● **RECORD SET**:
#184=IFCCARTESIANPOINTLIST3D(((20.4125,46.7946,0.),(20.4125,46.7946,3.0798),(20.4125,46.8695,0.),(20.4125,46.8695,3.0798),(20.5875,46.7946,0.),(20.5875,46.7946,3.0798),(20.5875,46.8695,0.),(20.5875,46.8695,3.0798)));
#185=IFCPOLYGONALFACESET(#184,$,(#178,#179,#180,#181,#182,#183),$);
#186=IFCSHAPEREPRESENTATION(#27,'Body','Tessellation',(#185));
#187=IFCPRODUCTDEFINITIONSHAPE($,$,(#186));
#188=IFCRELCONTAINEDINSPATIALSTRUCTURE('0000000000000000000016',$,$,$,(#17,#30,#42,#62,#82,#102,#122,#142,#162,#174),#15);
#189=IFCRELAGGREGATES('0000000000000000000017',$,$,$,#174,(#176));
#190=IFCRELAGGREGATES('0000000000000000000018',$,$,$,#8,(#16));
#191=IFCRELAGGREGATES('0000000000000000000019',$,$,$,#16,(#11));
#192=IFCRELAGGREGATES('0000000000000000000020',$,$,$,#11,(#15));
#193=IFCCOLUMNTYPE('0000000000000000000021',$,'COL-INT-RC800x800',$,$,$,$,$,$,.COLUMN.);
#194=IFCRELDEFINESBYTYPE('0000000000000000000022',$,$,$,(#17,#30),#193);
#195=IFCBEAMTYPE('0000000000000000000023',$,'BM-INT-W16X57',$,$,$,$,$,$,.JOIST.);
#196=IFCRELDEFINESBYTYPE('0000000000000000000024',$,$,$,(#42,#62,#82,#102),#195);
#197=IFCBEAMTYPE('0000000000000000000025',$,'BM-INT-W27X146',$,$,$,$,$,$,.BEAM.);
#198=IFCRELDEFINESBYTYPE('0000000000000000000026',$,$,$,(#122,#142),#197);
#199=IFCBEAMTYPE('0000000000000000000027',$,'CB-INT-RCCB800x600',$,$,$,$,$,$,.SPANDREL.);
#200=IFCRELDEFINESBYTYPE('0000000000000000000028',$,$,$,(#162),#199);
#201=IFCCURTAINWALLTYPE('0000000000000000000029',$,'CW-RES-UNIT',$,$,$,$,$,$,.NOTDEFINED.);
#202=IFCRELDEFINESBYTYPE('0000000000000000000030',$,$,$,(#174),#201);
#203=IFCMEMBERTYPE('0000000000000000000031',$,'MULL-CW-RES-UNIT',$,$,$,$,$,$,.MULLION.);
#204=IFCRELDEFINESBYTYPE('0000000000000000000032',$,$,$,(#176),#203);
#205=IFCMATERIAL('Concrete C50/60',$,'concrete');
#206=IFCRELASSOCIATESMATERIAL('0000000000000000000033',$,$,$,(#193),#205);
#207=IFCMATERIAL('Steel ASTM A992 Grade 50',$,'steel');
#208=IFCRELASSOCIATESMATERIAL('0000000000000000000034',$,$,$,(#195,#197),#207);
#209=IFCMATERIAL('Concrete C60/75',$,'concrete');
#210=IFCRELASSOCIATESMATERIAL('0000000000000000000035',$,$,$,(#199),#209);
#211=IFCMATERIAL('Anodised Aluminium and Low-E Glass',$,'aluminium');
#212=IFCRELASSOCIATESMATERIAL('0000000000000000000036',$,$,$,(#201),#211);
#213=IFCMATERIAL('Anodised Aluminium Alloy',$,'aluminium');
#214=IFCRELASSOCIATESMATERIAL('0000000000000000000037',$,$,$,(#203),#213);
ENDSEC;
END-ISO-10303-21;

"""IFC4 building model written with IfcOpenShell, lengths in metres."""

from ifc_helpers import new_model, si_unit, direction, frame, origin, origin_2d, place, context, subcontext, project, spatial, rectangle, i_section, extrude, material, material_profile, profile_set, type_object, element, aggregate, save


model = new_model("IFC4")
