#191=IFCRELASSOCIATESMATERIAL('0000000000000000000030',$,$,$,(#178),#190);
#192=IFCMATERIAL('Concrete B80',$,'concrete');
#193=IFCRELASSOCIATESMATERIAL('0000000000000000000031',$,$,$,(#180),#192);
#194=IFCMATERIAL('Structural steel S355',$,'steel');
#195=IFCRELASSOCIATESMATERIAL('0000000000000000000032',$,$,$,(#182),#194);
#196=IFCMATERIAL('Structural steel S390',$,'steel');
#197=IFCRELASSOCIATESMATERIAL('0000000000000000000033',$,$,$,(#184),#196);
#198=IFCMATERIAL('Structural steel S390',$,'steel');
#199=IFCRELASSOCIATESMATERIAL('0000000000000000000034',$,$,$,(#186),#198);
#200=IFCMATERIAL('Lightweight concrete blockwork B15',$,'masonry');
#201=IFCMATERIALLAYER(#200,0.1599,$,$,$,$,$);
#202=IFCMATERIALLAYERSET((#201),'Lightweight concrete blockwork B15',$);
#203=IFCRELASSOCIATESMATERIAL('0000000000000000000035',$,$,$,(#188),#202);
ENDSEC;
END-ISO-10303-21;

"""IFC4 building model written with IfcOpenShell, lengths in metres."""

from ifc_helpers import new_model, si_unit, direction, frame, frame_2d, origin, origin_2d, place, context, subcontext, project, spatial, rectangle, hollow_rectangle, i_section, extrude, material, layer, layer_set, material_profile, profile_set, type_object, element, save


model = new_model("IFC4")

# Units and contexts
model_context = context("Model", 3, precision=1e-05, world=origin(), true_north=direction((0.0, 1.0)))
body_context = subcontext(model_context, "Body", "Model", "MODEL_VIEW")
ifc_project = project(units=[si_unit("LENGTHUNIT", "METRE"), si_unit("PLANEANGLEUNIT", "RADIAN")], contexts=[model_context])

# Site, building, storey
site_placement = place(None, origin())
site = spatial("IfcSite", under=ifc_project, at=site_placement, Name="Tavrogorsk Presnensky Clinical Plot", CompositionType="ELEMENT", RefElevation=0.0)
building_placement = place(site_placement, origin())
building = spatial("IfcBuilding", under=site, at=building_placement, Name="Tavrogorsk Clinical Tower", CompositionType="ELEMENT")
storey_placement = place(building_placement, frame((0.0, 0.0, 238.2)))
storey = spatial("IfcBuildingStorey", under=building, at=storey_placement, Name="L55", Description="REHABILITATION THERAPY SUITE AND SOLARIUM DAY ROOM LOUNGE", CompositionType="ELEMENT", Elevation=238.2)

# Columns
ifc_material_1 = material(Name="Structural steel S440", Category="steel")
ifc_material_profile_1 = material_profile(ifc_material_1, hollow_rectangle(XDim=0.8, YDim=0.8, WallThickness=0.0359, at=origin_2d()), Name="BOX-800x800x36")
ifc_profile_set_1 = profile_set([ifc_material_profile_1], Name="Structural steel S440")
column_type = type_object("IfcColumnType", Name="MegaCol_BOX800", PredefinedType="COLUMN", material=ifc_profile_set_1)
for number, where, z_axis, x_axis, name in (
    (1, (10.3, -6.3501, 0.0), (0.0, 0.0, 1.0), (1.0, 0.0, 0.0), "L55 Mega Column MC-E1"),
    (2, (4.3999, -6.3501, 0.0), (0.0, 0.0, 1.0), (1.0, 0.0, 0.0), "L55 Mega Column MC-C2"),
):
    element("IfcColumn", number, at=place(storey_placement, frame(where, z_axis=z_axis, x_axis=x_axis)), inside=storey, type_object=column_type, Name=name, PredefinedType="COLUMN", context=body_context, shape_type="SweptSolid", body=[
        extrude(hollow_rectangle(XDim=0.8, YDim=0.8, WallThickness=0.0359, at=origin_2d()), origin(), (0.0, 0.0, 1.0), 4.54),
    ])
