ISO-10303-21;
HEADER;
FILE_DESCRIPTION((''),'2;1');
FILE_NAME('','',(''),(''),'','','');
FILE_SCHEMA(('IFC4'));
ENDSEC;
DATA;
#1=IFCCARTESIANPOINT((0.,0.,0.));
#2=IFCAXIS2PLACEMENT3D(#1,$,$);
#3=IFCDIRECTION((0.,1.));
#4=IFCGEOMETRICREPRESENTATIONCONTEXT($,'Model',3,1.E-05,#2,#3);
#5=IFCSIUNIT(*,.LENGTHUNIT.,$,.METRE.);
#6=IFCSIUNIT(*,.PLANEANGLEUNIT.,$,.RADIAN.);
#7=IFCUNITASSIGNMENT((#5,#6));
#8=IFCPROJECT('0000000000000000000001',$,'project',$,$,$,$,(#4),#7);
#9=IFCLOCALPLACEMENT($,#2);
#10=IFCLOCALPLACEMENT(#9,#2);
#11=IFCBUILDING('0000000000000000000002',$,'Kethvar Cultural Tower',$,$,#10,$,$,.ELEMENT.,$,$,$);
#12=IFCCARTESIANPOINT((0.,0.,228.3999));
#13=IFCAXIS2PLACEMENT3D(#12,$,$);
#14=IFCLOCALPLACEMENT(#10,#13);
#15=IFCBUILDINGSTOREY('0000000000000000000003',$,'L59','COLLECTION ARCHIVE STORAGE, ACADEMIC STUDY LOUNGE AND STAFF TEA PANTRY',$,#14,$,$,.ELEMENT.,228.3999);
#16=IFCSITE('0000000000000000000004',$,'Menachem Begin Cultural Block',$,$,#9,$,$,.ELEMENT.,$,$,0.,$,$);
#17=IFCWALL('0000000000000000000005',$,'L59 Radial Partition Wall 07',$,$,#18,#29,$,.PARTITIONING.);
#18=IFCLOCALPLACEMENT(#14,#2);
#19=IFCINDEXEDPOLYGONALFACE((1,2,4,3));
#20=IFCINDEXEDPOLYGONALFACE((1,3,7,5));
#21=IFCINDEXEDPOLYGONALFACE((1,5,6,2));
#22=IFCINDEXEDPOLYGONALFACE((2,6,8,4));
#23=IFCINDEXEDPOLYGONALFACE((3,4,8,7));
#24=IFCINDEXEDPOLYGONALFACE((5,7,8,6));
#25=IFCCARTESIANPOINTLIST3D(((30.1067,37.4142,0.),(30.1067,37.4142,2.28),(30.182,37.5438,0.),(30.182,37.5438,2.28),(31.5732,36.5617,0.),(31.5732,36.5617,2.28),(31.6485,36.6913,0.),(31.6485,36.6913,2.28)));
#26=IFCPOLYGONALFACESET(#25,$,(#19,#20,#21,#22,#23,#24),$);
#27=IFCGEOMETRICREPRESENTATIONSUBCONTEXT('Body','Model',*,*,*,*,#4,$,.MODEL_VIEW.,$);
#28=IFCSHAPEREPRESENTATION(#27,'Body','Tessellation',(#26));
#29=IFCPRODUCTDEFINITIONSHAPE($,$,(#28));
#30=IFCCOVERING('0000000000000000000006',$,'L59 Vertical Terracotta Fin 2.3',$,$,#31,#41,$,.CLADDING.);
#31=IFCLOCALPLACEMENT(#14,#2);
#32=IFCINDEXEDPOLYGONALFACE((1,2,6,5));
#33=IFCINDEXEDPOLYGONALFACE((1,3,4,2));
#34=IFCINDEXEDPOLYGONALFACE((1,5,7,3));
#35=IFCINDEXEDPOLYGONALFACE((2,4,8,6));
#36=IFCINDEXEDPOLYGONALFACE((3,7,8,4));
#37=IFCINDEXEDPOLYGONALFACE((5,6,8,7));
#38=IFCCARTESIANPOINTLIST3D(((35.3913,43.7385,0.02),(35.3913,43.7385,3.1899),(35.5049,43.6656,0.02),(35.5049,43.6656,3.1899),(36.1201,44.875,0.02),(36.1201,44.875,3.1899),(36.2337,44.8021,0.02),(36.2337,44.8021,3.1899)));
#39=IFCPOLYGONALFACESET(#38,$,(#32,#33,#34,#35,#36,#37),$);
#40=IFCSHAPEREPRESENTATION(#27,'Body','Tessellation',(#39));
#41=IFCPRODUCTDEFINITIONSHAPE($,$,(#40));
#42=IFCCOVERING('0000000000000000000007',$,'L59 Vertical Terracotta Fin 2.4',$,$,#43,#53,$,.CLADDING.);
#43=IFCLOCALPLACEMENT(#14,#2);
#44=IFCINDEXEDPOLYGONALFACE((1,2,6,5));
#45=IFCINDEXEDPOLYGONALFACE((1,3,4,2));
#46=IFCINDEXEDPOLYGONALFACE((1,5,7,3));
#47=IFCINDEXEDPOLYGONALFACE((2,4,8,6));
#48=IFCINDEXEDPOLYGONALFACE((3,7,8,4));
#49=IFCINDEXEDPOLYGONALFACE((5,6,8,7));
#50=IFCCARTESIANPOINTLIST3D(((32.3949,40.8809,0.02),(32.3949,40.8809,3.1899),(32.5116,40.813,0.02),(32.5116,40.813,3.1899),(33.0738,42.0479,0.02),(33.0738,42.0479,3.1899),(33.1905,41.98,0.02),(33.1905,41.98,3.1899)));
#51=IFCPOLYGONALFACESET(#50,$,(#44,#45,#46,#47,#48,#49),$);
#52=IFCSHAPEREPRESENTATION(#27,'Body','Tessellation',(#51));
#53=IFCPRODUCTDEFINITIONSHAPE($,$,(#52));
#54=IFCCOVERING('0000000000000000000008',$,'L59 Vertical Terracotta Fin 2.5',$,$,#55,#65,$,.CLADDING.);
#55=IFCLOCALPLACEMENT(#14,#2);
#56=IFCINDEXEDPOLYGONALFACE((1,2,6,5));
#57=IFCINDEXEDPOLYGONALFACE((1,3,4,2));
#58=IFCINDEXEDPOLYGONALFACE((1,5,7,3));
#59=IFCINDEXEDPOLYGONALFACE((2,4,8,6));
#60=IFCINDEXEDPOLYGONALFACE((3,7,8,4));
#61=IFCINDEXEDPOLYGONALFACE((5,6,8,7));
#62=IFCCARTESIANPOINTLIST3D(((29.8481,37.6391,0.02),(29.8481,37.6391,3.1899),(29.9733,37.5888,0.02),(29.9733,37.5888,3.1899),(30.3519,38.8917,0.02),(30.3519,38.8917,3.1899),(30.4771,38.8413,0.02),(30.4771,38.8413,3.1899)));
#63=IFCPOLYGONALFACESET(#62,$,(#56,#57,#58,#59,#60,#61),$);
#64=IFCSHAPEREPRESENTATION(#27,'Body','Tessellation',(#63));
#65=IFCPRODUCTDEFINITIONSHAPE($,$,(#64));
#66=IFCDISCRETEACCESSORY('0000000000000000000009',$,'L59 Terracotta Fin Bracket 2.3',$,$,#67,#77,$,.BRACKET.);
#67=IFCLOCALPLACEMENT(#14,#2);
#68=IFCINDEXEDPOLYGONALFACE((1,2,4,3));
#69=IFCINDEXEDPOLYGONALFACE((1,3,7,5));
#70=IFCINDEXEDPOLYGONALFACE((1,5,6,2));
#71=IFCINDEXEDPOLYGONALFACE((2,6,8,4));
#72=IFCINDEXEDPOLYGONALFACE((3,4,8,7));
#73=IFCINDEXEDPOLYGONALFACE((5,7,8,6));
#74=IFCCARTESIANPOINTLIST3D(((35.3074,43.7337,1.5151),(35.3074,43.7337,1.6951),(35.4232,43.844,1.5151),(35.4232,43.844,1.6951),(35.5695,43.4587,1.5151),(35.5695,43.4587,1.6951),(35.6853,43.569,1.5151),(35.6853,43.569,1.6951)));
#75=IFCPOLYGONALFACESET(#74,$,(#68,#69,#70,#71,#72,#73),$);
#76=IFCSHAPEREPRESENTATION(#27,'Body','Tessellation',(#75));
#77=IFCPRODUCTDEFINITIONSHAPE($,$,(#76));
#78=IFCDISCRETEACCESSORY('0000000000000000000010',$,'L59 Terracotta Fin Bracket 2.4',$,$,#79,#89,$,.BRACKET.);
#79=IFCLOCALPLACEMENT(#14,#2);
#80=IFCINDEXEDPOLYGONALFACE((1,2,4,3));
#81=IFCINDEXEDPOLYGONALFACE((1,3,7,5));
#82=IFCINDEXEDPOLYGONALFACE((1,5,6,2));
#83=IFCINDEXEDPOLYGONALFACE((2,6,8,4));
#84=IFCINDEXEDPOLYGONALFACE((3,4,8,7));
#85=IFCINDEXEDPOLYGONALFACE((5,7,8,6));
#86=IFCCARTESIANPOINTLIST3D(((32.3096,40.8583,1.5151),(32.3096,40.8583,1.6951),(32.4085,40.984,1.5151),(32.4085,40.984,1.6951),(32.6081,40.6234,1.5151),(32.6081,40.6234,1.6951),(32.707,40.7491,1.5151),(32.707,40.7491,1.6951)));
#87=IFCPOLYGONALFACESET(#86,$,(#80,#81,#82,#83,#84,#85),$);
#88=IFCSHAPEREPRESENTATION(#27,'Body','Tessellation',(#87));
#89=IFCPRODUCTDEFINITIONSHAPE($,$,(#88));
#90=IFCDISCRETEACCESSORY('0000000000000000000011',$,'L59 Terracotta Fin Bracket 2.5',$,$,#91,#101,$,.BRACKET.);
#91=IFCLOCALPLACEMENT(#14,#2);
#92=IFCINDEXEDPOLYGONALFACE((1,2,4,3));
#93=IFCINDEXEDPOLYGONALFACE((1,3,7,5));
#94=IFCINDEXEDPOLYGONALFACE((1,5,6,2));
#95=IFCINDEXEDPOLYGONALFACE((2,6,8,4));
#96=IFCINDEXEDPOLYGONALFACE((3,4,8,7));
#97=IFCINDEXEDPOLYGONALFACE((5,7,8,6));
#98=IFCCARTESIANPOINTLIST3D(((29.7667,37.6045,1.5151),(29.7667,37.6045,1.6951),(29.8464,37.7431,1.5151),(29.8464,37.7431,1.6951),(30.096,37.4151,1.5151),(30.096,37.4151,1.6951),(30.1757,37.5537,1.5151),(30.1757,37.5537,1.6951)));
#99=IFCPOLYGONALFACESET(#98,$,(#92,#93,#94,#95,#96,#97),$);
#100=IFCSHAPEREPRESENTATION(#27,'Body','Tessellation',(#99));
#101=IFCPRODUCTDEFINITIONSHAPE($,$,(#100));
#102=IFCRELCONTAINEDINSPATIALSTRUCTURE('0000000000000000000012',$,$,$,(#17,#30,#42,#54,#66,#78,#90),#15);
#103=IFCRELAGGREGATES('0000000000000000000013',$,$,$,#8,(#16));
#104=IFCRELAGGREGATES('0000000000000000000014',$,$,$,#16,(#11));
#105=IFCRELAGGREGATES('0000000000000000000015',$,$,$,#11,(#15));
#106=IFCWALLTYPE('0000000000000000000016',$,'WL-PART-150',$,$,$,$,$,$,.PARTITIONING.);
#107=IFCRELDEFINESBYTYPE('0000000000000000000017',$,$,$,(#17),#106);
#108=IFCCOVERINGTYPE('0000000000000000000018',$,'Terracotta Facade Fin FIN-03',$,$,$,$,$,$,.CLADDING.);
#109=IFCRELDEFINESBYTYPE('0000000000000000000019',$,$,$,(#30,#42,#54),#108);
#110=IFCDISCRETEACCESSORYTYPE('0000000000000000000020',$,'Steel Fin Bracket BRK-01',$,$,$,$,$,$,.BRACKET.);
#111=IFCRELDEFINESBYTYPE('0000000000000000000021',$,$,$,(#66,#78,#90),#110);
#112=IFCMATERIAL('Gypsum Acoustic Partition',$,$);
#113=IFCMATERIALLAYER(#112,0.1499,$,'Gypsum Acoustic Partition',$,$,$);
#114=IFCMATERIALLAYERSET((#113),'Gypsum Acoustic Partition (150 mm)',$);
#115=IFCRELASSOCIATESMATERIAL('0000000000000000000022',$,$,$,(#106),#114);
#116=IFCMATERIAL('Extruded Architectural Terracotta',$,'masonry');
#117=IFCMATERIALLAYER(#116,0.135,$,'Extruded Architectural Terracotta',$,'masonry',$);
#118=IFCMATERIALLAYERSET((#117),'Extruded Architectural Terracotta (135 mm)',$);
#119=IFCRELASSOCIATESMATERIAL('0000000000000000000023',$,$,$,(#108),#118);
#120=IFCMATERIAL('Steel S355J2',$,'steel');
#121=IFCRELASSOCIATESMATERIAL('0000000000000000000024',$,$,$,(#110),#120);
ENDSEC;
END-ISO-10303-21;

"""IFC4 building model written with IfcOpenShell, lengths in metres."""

from ifc_helpers import new_model, si_unit, direction, frame, frame_2d, origin, origin_2d, place, context, subcontext, project, spatial, rectangle, extrude, source, transform, mapped, material, layer, layer_set, type_object, element, save


model = new_model("IFC4")

# Units and contexts
model_context = context("Model", 3, precision=1e-05, world=origin(), true_north=direction((0.0, 1.0)))
body_context = subcontext(model_context, "Body", "Model", "MODEL_VIEW")
ifc_project = project(units=[si_unit("LENGTHUNIT", "METRE"), si_unit("PLANEANGLEUNIT", "RADIAN")], contexts=[model_context])

# Site, building, storey
site_placement = place(None, origin())
site = spatial("IfcSite", under=ifc_project, at=site_placement, Name="Menachem Begin Cultural Block", CompositionType="ELEMENT", RefElevation=0.0)
building_placement = place(site_placement, origin())
building = spatial("IfcBuilding", under=site, at=building_placement, Name="Kethvar Cultural Tower", CompositionType="ELEMENT")
storey_placement = place(building_placement, frame((0.0, 0.0, 228.3999)))
storey = spatial("IfcBuildingStorey", under=building, at=storey_placement, Name="L59", Description="COLLECTION ARCHIVE STORAGE, ACADEMIC STUDY LOUNGE AND STAFF TEA PANTRY", CompositionType="ELEMENT", Elevation=228.3999)

# Shared definitions
ifc_material_1 = material(Name="Steel S355J2", Category="steel")

# Wall
ifc_material_2 = material(Name="Gypsum Acoustic Partition")
ifc_layer_1 = layer(ifc_material_2, 0.1499, Name="Gypsum Acoustic Partition")
ifc_layer_set_1 = layer_set([ifc_layer_1], Name="Gypsum Acoustic Partition (150 mm)")
wall_type_1 = type_object("IfcWallType", Name="WL-PART-150", PredefinedType="PARTITIONING", material=ifc_layer_set_1)
wall_1_placement = place(storey_placement, frame((31.6108, 36.6265, 0.0), z_axis=(0.0, 0.0, 1.0), x_axis=(-0.864535, 0.502573, 0.0)))
element("IfcWall", 1, at=wall_1_placement, inside=storey, type_object=wall_type_1, Name="L59 Radial Partition Wall 07", PredefinedType="PARTITIONING", context=body_context, shape_type="SweptSolid", body=[
    extrude(rectangle(XDim=1.6963, YDim=0.1499, at=frame_2d((0.8481, 0.0))), origin(), (0.0, 0.0, 1.0), 2.28),
])

# Coverings
ifc_material_3 = material(Name="Extruded Architectural Terracotta", Category="masonry")
ifc_layer_2 = layer(ifc_material_3, 0.135, Name="Extruded Architectural Terracotta", Category="masonry")
ifc_layer_set_2 = layer_set([ifc_layer_2], Name="Extruded Architectural Terracotta (135 mm)")
covering_type = type_object("IfcCoveringType", Name="Terracotta Facade Fin FIN-03", PredefinedType="CLADDING", material=ifc_layer_set_2)
shared_shape_1 = source(origin(), body_context, "Body", "SweptSolid", [
    extrude(rectangle(XDim=1.3501, YDim=0.135, at=origin_2d()), origin(), (0.0, 0.0, 1.0), 3.1699),
])
for number, where, z_axis, x_axis, name in (
    (2, (35.8125, 44.2703, 0.02), (0.0, 0.0, 1.0), (0.5398, 0.841794, 0.0), "L59 Vertical Terracotta Fin 2.3"),
    (3, (32.7927, 41.4304, 0.02), (0.0, 0.0, 1.0), (0.502869, 0.864363, 0.0), "L59 Vertical Terracotta Fin 2.4"),
    (4, (30.1626, 38.2402, 0.02), (0.0, 0.0, 1.0), (0.37315, 0.927771, 0.0), "L59 Vertical Terracotta Fin 2.5"),
):
    element("IfcCovering", number, at=place(storey_placement, frame(where, z_axis=z_axis, x_axis=x_axis)), inside=storey, type_object=covering_type, Name=name, PredefinedType="CLADDING", context=body_context, shape_type="MappedRepresentation", body=[
        mapped(shared_shape_1, transform((0.0, 0.0, 0.0), scale=1.0)),
    ])

# Discrete accessories
discrete_accessory_type = type_object("IfcDiscreteAccessoryType", Name="Steel Fin Bracket BRK-01", PredefinedType="BRACKET", material=ifc_material_1)
shared_shape_2 = source(origin(), body_context, "Body", "SweptSolid", [
    extrude(rectangle(XDim=0.3799, YDim=0.1599, at=origin_2d()), origin(), (0.0, 0.0, 1.0), 0.1799),
])
for number, where, z_axis, x_axis, name in (
    (5, (35.4963, 43.6514, 1.5151), (0.0, 0.0, 1.0), (-0.689872, 0.723931, 0.0), "L59 Terracotta Fin Bracket 2.3"),
    (6, (32.5083, 40.8037, 1.5151), (0.0, 0.0, 1.0), (-0.785857, 0.618408, 0.0), "L59 Terracotta Fin Bracket 2.4"),
    (7, (29.9712, 37.5791, 1.5151), (0.0, 0.0, 1.0), (-0.86681, 0.498639, 0.0), "L59 Terracotta Fin Bracket 2.5"),
):
    element("IfcDiscreteAccessory", number, at=place(storey_placement, frame(where, z_axis=z_axis, x_axis=x_axis)), inside=storey, type_object=discrete_accessory_type, Name=name, PredefinedType="BRACKET", context=body_context, shape_type="MappedRepresentation", body=[
        mapped(shared_shape_2, transform((0.0, 0.0, 0.0), scale=1.0)),
    ])

save(model, "model.ifc")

● **EXERCISE DETAILS**: Based on the entries above, give the number of lines with the string "Aluminium" and no further text.

● **WRITTEN RESPONSE**: 2